--- Exercise input Enclosed Below ---

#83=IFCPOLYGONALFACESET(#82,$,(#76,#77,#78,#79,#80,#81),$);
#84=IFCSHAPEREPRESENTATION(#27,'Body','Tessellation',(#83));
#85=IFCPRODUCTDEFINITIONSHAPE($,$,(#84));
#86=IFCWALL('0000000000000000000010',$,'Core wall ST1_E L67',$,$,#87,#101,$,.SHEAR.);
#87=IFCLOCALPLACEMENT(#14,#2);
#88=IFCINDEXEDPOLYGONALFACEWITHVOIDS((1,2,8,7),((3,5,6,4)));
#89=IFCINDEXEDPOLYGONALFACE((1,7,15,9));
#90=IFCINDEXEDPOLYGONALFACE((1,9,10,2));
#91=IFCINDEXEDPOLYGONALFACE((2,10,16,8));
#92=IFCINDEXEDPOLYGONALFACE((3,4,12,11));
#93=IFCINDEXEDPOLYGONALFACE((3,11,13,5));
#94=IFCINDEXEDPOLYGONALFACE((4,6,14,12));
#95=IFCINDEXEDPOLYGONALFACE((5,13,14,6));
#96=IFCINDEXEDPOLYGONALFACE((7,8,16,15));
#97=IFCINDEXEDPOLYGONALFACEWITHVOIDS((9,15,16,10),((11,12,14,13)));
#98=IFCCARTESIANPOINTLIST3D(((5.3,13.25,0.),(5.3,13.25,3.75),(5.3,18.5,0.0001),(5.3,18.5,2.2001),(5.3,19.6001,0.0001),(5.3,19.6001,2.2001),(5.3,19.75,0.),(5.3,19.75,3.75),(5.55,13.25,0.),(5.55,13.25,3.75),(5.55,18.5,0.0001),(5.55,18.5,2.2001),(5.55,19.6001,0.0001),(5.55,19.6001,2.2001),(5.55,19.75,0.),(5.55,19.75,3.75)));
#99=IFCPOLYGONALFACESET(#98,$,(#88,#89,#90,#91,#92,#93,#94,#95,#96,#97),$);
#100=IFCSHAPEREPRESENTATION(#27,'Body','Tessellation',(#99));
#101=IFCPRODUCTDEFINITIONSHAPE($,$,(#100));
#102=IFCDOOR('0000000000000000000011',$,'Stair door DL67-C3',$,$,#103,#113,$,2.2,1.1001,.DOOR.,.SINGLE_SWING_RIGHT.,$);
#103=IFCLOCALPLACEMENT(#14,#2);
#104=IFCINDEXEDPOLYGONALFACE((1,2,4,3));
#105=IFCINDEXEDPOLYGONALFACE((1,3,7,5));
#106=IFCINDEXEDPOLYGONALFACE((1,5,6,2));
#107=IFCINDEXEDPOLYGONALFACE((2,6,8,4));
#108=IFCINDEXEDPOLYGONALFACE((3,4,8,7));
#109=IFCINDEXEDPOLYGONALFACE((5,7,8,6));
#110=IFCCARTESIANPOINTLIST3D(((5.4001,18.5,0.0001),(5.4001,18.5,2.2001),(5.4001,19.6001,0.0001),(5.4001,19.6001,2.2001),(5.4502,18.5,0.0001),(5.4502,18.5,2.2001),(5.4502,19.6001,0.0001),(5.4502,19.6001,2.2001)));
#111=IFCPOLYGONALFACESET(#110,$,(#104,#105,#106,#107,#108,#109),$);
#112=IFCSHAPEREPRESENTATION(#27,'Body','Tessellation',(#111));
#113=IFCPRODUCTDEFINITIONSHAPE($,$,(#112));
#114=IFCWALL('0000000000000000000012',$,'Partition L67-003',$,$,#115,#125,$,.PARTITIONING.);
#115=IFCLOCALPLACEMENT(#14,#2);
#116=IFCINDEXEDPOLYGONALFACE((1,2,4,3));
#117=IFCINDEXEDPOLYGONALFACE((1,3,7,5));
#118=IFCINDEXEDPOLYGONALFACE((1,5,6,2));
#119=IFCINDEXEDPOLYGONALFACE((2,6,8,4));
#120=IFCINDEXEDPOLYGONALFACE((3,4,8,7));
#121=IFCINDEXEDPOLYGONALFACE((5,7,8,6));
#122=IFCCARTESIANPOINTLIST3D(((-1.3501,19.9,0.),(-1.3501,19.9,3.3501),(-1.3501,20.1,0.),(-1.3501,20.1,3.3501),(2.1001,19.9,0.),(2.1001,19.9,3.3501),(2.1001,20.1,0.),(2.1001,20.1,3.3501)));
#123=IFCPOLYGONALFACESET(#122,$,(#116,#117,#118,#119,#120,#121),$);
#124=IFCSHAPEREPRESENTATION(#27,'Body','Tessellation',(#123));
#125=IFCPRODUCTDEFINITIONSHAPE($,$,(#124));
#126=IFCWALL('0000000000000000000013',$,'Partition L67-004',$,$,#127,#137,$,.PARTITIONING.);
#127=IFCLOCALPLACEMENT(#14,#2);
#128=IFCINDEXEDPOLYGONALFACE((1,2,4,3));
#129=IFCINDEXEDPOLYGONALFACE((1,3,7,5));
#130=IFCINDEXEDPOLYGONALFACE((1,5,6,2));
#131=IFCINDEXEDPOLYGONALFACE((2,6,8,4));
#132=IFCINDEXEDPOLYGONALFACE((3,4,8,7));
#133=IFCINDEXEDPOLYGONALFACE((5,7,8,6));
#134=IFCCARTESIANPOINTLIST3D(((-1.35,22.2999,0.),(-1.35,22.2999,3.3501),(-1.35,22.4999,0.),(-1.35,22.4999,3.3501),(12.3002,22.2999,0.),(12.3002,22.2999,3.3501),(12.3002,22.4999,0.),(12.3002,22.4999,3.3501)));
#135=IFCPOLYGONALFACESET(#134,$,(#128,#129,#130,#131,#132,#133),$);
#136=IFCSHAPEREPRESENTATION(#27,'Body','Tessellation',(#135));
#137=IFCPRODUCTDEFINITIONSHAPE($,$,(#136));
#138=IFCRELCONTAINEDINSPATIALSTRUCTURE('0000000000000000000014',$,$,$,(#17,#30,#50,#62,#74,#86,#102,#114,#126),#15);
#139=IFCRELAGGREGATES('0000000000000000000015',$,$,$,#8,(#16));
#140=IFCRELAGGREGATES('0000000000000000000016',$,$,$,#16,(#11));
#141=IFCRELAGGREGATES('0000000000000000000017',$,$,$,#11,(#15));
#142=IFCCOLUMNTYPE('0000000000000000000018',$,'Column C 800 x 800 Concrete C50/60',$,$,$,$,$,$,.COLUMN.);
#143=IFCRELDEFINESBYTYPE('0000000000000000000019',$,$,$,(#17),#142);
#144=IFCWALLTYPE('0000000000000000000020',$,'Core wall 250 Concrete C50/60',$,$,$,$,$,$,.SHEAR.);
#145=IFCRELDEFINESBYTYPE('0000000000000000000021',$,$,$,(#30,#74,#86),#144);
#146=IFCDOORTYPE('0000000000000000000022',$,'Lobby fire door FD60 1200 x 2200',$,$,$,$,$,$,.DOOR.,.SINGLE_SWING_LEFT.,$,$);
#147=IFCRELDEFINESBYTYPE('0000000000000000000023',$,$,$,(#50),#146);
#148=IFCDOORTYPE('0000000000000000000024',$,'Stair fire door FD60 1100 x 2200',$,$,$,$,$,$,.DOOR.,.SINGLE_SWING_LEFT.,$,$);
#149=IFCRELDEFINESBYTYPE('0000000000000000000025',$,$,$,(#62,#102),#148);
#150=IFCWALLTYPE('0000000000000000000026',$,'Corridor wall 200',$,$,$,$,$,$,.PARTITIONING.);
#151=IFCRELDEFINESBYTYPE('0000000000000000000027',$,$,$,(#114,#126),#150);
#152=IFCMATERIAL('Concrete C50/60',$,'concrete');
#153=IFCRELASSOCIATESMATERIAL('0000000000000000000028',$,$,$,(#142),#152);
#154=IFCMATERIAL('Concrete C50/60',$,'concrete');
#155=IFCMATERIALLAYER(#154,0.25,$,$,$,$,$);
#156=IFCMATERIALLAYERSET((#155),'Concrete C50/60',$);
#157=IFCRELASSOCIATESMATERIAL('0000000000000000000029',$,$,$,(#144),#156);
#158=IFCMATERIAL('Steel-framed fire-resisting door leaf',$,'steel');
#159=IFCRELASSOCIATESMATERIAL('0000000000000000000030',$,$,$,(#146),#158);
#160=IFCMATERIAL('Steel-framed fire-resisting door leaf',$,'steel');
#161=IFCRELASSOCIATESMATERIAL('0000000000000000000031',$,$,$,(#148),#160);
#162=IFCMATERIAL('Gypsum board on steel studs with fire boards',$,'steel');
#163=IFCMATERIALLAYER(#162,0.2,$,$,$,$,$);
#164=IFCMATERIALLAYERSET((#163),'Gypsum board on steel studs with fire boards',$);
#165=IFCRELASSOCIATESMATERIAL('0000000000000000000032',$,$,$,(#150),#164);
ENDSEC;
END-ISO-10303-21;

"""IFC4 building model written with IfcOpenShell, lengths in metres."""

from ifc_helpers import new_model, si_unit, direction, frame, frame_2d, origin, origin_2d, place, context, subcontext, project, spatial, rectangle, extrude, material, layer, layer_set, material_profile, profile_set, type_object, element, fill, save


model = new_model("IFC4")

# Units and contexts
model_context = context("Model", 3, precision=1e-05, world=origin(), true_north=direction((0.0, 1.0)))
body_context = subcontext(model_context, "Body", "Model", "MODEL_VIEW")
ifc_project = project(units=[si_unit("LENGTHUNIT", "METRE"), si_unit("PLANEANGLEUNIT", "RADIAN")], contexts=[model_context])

--- End of Enclosed Exercise input ---

_Instructions for the task_
Retype, exactly and in full, the lines above from the one containing "#86=IFCWALL('0000000000000000000010',$,'Core wall ST1_E" through the one containing "#90=IFCINDEXEDPOLYGONALFACE((1,9,10,2));".

_Solution for this exercise_
#86=IFCWALL('0000000000000000000010',$,'Core wall ST1_E L67',$,$,#87,#101,$,.SHEAR.);
#87=IFCLOCALPLACEMENT(#14,#2);
#88=IFCINDEXEDPOLYGONALFACEWITHVOIDS((1,2,8,7),((3,5,6,4)));
#89=IFCINDEXEDPOLYGONALFACE((1,7,15,9));
#90=IFCINDEXEDPOLYGONALFACE((1,9,10,2));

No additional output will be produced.